• **Work required**
Repeat the data below exactly, with every entry included.

----------

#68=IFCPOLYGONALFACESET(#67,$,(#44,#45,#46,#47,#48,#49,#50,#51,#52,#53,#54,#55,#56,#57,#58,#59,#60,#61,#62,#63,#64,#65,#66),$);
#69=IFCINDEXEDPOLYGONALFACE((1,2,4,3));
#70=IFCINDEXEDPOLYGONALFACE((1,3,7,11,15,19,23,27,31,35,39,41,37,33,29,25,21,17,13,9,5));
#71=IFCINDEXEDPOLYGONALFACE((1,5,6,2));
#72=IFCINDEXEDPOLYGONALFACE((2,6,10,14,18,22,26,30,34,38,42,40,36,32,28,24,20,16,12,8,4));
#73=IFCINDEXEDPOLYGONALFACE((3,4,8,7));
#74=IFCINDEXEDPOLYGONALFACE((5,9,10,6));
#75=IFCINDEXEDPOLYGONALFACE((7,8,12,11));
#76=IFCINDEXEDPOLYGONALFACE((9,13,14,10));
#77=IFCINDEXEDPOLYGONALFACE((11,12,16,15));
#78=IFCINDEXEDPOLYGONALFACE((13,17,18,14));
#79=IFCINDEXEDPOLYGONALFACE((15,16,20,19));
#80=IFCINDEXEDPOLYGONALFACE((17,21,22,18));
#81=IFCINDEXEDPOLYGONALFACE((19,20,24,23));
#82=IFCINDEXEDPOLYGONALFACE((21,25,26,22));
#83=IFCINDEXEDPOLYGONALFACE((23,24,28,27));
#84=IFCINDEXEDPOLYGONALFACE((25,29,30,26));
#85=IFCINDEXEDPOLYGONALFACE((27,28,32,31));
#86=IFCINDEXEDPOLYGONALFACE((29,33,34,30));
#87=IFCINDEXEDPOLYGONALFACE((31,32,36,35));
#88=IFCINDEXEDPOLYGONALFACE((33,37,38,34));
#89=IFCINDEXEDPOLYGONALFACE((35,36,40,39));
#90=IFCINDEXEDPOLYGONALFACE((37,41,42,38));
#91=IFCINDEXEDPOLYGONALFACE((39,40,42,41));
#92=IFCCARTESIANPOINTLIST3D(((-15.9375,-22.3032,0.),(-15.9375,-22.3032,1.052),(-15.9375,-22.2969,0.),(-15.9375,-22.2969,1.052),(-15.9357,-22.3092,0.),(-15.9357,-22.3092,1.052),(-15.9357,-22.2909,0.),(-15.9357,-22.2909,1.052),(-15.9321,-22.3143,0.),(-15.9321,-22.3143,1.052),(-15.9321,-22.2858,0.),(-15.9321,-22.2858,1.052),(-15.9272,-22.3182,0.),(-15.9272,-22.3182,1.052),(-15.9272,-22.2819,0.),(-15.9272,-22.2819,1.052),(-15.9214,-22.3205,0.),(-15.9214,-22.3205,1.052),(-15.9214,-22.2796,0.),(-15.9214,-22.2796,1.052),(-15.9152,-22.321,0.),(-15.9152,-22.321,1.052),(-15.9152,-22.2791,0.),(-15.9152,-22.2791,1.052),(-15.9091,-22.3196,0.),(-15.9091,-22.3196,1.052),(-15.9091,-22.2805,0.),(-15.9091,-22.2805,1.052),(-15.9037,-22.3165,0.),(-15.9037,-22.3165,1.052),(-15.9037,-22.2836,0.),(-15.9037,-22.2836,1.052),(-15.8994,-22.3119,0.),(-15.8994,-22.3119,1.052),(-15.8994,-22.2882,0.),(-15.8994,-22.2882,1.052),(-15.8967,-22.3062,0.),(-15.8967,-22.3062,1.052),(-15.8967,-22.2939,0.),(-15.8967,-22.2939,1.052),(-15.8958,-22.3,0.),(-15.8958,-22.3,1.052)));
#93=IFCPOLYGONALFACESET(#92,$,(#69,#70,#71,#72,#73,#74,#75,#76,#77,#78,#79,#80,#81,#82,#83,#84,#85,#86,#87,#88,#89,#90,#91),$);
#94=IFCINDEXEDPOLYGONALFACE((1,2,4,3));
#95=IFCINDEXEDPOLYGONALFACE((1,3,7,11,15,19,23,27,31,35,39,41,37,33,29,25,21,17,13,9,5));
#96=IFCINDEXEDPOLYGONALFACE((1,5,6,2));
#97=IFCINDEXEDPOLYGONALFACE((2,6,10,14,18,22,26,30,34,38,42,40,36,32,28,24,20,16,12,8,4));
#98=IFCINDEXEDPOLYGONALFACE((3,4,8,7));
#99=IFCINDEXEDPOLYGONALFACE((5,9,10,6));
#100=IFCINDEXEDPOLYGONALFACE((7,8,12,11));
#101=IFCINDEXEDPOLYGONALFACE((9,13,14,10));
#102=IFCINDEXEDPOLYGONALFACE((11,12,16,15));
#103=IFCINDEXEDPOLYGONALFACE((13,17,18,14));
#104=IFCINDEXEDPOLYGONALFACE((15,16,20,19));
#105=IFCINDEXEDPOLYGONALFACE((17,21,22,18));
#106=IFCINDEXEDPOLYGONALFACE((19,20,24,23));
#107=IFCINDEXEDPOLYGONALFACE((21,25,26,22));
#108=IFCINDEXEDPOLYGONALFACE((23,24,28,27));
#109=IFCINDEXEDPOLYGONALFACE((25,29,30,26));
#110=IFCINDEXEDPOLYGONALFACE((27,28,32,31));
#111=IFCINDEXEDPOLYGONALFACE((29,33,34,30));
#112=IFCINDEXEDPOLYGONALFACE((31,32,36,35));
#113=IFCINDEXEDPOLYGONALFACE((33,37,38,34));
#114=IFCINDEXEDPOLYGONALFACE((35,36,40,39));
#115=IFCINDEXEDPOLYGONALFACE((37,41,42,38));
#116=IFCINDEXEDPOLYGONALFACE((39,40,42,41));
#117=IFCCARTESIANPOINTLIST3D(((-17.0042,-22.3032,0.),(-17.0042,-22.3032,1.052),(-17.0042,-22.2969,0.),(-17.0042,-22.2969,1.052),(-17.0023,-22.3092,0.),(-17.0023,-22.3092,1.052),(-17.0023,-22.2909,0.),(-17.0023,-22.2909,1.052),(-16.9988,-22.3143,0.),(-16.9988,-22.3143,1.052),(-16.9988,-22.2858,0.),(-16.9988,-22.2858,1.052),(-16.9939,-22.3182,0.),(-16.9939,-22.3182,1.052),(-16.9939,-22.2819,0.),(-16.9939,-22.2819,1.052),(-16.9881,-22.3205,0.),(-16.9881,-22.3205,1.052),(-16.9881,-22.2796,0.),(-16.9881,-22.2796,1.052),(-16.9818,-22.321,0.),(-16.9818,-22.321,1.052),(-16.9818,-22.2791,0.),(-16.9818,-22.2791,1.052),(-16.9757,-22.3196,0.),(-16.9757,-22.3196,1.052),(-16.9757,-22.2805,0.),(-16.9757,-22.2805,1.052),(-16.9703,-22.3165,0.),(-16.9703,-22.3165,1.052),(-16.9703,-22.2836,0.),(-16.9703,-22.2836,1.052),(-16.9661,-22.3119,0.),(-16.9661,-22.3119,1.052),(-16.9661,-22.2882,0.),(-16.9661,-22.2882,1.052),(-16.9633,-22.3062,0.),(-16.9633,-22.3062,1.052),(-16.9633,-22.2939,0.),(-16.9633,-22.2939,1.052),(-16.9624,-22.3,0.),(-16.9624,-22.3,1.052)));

----------

• **Result of the task**
#68=IFCPOLYGONALFACESET(#67,$,(#44,#45,#46,#47,#48,#49,#50,#51,#52,#53,#54,#55,#56,#57,#58,#59,#60,#61,#62,#63,#64,#65,#66),$);
#69=IFCINDEXEDPOLYGONALFACE((1,2,4,3));
#70=IFCINDEXEDPOLYGONALFACE((1,3,7,11,15,19,23,27,31,35,39,41,37,33,29,25,21,17,13,9,5));
#71=IFCINDEXEDPOLYGONALFACE((1,5,6,2));
#72=IFCINDEXEDPOLYGONALFACE((2,6,10,14,18,22,26,30,34,38,42,40,36,32,28,24,20,16,12,8,4));
#73=IFCINDEXEDPOLYGONALFACE((3,4,8,7));
#74=IFCINDEXEDPOLYGONALFACE((5,9,10,6));
#75=IFCINDEXEDPOLYGONALFACE((7,8,12,11));
#76=IFCINDEXEDPOLYGONALFACE((9,13,14,10));
#77=IFCINDEXEDPOLYGONALFACE((11,12,16,15));
#78=IFCINDEXEDPOLYGONALFACE((13,17,18,14));
#79=IFCINDEXEDPOLYGONALFACE((15,16,20,19));
#80=IFCINDEXEDPOLYGONALFACE((17,21,22,18));
#81=IFCINDEXEDPOLYGONALFACE((19,20,24,23));
#82=IFCINDEXEDPOLYGONALFACE((21,25,26,22));
#83=IFCINDEXEDPOLYGONALFACE((23,24,28,27));
#84=IFCINDEXEDPOLYGONALFACE((25,29,30,26));
#85=IFCINDEXEDPOLYGONALFACE((27,28,32,31));
#86=IFCINDEXEDPOLYGONALFACE((29,33,34,30));
#87=IFCINDEXEDPOLYGONALFACE((31,32,36,35));
#88=IFCINDEXEDPOLYGONALFACE((33,37,38,34));
#89=IFCINDEXEDPOLYGONALFACE((35,36,40,39));
#90=IFCINDEXEDPOLYGONALFACE((37,41,42,38));
#91=IFCINDEXEDPOLYGONALFACE((39,40,42,41));
#92=IFCCARTESIANPOINTLIST3D(((-15.9375,-22.3032,0.),(-15.9375,-22.3032,1.052),(-15.9375,-22.2969,0.),(-15.9375,-22.2969,1.052),(-15.9357,-22.3092,0.),(-15.9357,-22.3092,1.052),(-15.9357,-22.2909,0.),(-15.9357,-22.2909,1.052),(-15.9321,-22.3143,0.),(-15.9321,-22.3143,1.052),(-15.9321,-22.2858,0.),(-15.9321,-22.2858,1.052),(-15.9272,-22.3182,0.),(-15.9272,-22.3182,1.052),(-15.9272,-22.2819,0.),(-15.9272,-22.2819,1.052),(-15.9214,-22.3205,0.),(-15.9214,-22.3205,1.052),(-15.9214,-22.2796,0.),(-15.9214,-22.2796,1.052),(-15.9152,-22.321,0.),(-15.9152,-22.321,1.052),(-15.9152,-22.2791,0.),(-15.9152,-22.2791,1.052),(-15.9091,-22.3196,0.),(-15.9091,-22.3196,1.052),(-15.9091,-22.2805,0.),(-15.9091,-22.2805,1.052),(-15.9037,-22.3165,0.),(-15.9037,-22.3165,1.052),(-15.9037,-22.2836,0.),(-15.9037,-22.2836,1.052),(-15.8994,-22.3119,0.),(-15.8994,-22.3119,1.052),(-15.8994,-22.2882,0.),(-15.8994,-22.2882,1.052),(-15.8967,-22.3062,0.),(-15.8967,-22.3062,1.052),(-15.8967,-22.2939,0.),(-15.8967,-22.2939,1.052),(-15.8958,-22.3,0.),(-15.8958,-22.3,1.052)));
#93=IFCPOLYGONALFACESET(#92,$,(#69,#70,#71,#72,#73,#74,#75,#76,#77,#78,#79,#80,#81,#82,#83,#84,#85,#86,#87,#88,#89,#90,#91),$);
#94=IFCINDEXEDPOLYGONALFACE((1,2,4,3));
#95=IFCINDEXEDPOLYGONALFACE((1,3,7,11,15,19,23,27,31,35,39,41,37,33,29,25,21,17,13,9,5));
#96=IFCINDEXEDPOLYGONALFACE((1,5,6,2));
#97=IFCINDEXEDPOLYGONALFACE((2,6,10,14,18,22,26,30,34,38,42,40,36,32,28,24,20,16,12,8,4));
#98=IFCINDEXEDPOLYGONALFACE((3,4,8,7));
#99=IFCINDEXEDPOLYGONALFACE((5,9,10,6));
#100=IFCINDEXEDPOLYGONALFACE((7,8,12,11));
#101=IFCINDEXEDPOLYGONALFACE((9,13,14,10));
#102=IFCINDEXEDPOLYGONALFACE((11,12,16,15));
#103=IFCINDEXEDPOLYGONALFACE((13,17,18,14));
#104=IFCINDEXEDPOLYGONALFACE((15,16,20,19));
#105=IFCINDEXEDPOLYGONALFACE((17,21,22,18));
#106=IFCINDEXEDPOLYGONALFACE((19,20,24,23));
#107=IFCINDEXEDPOLYGONALFACE((21,25,26,22));
#108=IFCINDEXEDPOLYGONALFACE((23,24,28,27));
#109=IFCINDEXEDPOLYGONALFACE((25,29,30,26));
#110=IFCINDEXEDPOLYGONALFACE((27,28,32,31));
#111=IFCINDEXEDPOLYGONALFACE((29,33,34,30));
#112=IFCINDEXEDPOLYGONALFACE((31,32,36,35));
#113=IFCINDEXEDPOLYGONALFACE((33,37,38,34));
#114=IFCINDEXEDPOLYGONALFACE((35,36,40,39));
#115=IFCINDEXEDPOLYGONALFACE((37,41,42,38));
#116=IFCINDEXEDPOLYGONALFACE((39,40,42,41));
#117=IFCCARTESIANPOINTLIST3D(((-17.0042,-22.3032,0.),(-17.0042,-22.3032,1.052),(-17.0042,-22.2969,0.),(-17.0042,-22.2969,1.052),(-17.0023,-22.3092,0.),(-17.0023,-22.3092,1.052),(-17.0023,-22.2909,0.),(-17.0023,-22.2909,1.052),(-16.9988,-22.3143,0.),(-16.9988,-22.3143,1.052),(-16.9988,-22.2858,0.),(-16.9988,-22.2858,1.052),(-16.9939,-22.3182,0.),(-16.9939,-22.3182,1.052),(-16.9939,-22.2819,0.),(-16.9939,-22.2819,1.052),(-16.9881,-22.3205,0.),(-16.9881,-22.3205,1.052),(-16.9881,-22.2796,0.),(-16.9881,-22.2796,1.052),(-16.9818,-22.321,0.),(-16.9818,-22.321,1.052),(-16.9818,-22.2791,0.),(-16.9818,-22.2791,1.052),(-16.9757,-22.3196,0.),(-16.9757,-22.3196,1.052),(-16.9757,-22.2805,0.),(-16.9757,-22.2805,1.052),(-16.9703,-22.3165,0.),(-16.9703,-22.3165,1.052),(-16.9703,-22.2836,0.),(-16.9703,-22.2836,1.052),(-16.9661,-22.3119,0.),(-16.9661,-22.3119,1.052),(-16.9661,-22.2882,0.),(-16.9661,-22.2882,1.052),(-16.9633,-22.3062,0.),(-16.9633,-22.3062,1.052),(-16.9633,-22.2939,0.),(-16.9633,-22.2939,1.052),(-16.9624,-22.3,0.),(-16.9624,-22.3,1.052)));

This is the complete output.